### What needs to be done:
Given the material below, return only the lines starting at the line with "if type_object is" and ending at the line with "model.write(path)", exactly as they appear.
(Beginning of Task material)
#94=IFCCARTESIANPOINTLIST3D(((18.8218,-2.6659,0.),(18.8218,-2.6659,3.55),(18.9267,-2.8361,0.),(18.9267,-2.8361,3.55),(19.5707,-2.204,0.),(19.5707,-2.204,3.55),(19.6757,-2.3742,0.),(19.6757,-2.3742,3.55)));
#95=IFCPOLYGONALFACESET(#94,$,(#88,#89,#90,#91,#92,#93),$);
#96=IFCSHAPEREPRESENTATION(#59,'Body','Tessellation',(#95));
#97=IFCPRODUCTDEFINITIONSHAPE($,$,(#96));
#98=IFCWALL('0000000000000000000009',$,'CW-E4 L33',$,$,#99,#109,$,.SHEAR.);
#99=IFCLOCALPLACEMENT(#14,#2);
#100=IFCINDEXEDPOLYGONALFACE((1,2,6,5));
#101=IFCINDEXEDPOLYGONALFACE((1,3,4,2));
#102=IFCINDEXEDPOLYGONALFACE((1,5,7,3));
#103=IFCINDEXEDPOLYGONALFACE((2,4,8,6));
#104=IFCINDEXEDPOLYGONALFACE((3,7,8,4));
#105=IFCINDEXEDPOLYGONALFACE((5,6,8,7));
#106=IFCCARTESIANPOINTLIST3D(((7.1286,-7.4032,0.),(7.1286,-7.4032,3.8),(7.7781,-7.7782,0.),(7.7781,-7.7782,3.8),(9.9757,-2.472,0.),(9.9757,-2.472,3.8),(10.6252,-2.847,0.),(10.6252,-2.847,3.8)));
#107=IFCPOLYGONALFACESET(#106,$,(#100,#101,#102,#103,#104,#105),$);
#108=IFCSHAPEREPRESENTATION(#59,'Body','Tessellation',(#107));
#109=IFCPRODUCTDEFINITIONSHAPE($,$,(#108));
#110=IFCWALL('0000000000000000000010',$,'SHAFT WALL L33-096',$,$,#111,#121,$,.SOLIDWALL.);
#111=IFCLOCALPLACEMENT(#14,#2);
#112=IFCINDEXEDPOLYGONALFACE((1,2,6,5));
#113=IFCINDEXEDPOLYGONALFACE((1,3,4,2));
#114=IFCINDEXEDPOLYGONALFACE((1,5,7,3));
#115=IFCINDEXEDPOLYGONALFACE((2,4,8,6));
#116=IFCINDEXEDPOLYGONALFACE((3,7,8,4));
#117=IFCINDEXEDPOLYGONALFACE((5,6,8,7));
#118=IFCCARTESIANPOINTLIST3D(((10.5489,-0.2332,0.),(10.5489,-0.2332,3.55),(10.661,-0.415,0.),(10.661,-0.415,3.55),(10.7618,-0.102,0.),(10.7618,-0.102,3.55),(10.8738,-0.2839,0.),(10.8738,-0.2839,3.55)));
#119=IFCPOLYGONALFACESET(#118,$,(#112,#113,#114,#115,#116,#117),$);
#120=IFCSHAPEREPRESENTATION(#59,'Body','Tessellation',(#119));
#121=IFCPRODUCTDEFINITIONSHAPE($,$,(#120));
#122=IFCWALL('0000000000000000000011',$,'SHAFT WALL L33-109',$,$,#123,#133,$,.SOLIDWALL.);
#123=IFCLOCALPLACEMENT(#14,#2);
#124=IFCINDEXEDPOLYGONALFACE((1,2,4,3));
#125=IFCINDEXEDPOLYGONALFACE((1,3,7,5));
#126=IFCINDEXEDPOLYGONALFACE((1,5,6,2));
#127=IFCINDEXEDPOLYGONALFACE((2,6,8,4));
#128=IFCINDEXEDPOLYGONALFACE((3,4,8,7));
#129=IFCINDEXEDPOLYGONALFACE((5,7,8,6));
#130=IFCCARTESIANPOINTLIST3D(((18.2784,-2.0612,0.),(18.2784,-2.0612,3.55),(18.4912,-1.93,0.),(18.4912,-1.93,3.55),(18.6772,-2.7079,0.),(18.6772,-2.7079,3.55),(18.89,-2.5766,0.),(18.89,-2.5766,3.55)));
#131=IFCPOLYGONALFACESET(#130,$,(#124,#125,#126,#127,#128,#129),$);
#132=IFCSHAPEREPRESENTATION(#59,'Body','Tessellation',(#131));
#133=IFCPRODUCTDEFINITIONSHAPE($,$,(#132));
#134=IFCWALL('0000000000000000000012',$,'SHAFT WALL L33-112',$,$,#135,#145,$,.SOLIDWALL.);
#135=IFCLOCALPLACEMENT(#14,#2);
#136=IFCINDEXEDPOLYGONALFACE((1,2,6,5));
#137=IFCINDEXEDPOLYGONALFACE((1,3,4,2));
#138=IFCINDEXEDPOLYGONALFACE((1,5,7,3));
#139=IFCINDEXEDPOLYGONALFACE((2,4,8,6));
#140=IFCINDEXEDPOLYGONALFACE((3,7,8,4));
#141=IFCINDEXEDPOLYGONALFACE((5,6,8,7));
(End of Task material)
(Beginning of Task material)
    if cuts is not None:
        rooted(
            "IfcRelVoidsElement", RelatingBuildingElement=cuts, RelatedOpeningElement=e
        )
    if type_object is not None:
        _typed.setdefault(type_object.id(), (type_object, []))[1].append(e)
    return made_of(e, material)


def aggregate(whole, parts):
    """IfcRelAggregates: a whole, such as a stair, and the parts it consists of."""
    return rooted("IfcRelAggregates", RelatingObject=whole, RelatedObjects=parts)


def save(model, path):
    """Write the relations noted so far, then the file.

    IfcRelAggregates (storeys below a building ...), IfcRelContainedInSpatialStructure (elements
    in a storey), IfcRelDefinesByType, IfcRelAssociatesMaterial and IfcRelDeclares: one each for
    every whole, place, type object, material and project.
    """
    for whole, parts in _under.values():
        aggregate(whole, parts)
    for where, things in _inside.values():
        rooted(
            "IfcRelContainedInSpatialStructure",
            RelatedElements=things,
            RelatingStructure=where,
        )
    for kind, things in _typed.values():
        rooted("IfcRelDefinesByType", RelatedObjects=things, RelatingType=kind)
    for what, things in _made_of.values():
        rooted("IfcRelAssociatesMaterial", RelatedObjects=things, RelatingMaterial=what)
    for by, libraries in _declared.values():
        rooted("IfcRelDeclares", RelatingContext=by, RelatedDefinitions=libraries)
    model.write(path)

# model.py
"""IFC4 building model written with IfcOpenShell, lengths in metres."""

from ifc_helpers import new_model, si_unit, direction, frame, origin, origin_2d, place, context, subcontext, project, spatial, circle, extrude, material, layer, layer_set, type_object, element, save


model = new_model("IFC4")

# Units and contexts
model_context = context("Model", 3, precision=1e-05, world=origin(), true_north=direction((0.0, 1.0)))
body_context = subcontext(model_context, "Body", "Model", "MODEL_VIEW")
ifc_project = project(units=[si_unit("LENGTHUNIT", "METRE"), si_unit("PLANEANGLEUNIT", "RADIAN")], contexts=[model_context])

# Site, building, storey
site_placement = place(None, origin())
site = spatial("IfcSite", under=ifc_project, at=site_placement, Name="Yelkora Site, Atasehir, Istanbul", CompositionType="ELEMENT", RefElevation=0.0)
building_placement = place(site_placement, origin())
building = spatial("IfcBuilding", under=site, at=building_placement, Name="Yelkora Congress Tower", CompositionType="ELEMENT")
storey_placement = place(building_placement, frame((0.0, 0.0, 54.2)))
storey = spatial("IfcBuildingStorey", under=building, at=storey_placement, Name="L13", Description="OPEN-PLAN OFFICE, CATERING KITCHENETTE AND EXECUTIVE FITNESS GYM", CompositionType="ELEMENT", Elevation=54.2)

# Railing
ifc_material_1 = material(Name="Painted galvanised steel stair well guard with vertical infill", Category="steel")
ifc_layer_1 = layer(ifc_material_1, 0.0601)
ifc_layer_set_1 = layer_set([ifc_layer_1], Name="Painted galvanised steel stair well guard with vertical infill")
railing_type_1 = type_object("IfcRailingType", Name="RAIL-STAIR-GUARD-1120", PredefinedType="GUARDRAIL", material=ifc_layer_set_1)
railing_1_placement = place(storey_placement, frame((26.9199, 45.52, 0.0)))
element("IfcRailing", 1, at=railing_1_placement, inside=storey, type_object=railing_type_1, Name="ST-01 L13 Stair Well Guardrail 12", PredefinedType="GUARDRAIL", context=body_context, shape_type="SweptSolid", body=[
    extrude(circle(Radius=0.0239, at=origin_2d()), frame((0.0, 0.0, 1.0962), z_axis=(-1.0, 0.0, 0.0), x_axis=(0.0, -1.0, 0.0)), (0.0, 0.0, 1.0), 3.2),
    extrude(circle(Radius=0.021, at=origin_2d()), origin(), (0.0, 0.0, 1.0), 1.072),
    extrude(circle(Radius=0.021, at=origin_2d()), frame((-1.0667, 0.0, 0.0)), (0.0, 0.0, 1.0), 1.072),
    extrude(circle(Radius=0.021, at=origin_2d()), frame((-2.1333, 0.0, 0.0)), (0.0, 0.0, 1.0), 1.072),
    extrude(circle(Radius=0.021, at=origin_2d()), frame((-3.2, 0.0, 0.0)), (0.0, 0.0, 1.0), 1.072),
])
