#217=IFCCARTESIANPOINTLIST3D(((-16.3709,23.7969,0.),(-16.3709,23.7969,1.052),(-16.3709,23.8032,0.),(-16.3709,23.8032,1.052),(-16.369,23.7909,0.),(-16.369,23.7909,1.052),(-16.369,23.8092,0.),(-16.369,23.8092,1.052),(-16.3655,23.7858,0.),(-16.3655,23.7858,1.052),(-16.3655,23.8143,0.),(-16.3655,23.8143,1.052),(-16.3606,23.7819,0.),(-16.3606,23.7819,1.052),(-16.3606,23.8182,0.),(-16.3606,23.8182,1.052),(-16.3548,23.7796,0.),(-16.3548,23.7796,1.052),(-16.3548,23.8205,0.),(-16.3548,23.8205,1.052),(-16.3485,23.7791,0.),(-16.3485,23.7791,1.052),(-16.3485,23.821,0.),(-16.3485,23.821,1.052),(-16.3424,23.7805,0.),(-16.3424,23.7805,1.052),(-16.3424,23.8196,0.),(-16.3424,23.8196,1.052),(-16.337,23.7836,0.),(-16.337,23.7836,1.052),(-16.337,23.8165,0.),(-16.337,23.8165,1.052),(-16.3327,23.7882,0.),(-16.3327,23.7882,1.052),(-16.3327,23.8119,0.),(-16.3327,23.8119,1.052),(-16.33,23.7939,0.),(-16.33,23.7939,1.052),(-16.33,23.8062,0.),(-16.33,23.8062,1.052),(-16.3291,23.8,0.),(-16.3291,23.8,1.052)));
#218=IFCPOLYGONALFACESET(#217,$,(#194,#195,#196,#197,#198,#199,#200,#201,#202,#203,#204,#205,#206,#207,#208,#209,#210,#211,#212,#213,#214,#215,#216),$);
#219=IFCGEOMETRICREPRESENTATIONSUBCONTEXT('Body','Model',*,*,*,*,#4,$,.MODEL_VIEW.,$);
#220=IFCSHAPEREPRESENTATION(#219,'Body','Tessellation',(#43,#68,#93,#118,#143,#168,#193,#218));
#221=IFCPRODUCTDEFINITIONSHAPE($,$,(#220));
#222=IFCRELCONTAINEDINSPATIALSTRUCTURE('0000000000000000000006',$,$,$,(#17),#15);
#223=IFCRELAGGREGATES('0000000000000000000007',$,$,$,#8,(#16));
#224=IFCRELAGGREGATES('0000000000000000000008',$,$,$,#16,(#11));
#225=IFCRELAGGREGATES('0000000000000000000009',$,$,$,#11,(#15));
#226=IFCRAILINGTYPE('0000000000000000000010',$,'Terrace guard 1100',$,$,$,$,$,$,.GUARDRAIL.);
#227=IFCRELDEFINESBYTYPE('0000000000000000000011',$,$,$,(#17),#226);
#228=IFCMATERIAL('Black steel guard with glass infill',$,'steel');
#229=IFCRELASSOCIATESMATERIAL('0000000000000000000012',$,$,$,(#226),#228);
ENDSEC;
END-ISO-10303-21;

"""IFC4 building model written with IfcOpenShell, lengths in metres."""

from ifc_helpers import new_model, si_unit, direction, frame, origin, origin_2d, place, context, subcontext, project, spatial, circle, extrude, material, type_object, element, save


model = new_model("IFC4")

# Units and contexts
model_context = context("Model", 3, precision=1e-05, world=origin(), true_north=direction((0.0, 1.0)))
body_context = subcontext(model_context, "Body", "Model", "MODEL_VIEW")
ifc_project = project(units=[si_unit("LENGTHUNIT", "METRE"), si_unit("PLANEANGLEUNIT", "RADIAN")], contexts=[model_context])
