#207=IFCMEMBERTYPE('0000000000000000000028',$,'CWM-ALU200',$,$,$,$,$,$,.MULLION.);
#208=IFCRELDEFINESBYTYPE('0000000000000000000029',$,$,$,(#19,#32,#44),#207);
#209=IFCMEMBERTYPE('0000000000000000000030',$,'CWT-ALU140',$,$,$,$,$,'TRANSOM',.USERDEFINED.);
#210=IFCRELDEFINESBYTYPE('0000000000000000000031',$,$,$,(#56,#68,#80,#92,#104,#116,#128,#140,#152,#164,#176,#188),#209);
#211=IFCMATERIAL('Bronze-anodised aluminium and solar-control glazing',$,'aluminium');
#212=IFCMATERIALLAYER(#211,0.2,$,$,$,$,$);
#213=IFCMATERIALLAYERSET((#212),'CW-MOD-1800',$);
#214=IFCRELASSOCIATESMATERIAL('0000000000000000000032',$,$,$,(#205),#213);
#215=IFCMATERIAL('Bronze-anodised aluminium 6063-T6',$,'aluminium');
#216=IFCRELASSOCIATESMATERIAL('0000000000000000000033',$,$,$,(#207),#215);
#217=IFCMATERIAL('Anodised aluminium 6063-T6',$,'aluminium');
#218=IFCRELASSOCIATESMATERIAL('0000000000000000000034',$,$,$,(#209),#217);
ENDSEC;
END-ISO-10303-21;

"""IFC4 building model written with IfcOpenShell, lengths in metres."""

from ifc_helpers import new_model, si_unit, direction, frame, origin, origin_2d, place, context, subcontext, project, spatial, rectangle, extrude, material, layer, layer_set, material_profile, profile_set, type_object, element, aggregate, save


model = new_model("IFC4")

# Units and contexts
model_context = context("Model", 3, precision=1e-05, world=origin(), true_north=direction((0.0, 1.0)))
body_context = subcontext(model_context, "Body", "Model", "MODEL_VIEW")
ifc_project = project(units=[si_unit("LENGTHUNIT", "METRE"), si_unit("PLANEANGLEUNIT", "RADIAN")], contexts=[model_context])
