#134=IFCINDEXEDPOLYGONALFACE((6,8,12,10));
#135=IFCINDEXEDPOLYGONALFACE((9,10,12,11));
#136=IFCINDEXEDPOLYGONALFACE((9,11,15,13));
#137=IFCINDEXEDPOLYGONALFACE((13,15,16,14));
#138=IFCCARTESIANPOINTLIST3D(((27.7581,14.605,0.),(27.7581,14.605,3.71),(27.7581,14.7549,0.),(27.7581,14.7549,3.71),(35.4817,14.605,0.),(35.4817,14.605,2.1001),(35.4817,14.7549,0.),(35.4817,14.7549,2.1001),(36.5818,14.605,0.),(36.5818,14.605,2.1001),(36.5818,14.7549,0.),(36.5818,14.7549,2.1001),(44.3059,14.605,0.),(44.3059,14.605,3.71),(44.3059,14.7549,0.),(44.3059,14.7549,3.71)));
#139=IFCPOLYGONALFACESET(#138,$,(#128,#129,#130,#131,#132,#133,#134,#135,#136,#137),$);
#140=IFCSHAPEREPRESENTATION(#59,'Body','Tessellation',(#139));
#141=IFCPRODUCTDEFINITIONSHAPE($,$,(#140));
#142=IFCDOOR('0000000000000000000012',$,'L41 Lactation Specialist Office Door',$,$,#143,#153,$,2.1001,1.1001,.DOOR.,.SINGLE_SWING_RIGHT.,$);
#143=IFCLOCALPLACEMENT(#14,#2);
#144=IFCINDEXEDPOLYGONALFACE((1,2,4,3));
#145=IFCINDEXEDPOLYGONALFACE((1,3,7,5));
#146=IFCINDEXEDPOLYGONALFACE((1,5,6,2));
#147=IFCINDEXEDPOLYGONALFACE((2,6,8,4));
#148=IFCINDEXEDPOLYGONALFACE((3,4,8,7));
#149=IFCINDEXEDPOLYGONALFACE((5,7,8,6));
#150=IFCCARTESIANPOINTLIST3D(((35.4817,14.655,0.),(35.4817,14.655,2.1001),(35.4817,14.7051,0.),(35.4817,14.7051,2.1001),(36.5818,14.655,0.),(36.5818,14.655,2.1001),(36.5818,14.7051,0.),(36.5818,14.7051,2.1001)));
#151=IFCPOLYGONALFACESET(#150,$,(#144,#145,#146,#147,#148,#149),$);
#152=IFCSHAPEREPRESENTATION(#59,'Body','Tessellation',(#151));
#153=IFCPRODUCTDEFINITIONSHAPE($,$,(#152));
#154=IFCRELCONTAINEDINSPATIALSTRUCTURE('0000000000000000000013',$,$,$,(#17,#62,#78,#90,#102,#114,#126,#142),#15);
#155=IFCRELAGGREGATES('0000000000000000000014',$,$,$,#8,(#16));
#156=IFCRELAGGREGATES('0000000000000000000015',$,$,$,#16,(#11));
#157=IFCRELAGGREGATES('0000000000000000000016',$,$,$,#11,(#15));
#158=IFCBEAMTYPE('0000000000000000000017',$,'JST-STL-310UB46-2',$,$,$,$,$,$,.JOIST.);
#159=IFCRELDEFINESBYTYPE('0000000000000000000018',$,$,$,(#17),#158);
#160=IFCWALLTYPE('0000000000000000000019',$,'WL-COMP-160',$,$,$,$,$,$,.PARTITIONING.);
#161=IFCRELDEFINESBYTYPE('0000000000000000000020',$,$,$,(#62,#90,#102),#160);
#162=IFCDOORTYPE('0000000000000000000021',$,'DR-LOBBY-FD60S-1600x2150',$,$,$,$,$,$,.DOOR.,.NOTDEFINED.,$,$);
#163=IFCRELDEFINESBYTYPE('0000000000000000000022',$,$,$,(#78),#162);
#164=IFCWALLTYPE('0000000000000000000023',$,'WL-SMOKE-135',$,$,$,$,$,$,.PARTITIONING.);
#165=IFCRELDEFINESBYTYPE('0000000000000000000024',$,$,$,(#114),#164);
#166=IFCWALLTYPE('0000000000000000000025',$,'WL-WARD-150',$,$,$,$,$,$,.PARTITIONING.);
(End of Task material)
### Solved exercise:
    if type_object is not None:
        _typed.setdefault(type_object.id(), (type_object, []))[1].append(e)
    return made_of(e, material)


def aggregate(whole, parts):
    """IfcRelAggregates: a whole, such as a stair, and the parts it consists of."""
    return rooted("IfcRelAggregates", RelatingObject=whole, RelatedObjects=parts)


def save(model, path):
    """Write the relations noted so far, then the file.

    IfcRelAggregates (storeys below a building ...), IfcRelContainedInSpatialStructure (elements
    in a storey), IfcRelDefinesByType, IfcRelAssociatesMaterial and IfcRelDeclares: one each for
    every whole, place, type object, material and project.
    """
    for whole, parts in _under.values():
        aggregate(whole, parts)
    for where, things in _inside.values():
        rooted(
            "IfcRelContainedInSpatialStructure",
            RelatedElements=things,
            RelatingStructure=where,
        )
    for kind, things in _typed.values():
        rooted("IfcRelDefinesByType", RelatedObjects=things, RelatingType=kind)
    for what, things in _made_of.values():
        rooted("IfcRelAssociatesMaterial", RelatedObjects=things, RelatingMaterial=what)
    for by, libraries in _declared.values():
        rooted("IfcRelDeclares", RelatingContext=by, RelatedDefinitions=libraries)
    model.write(path)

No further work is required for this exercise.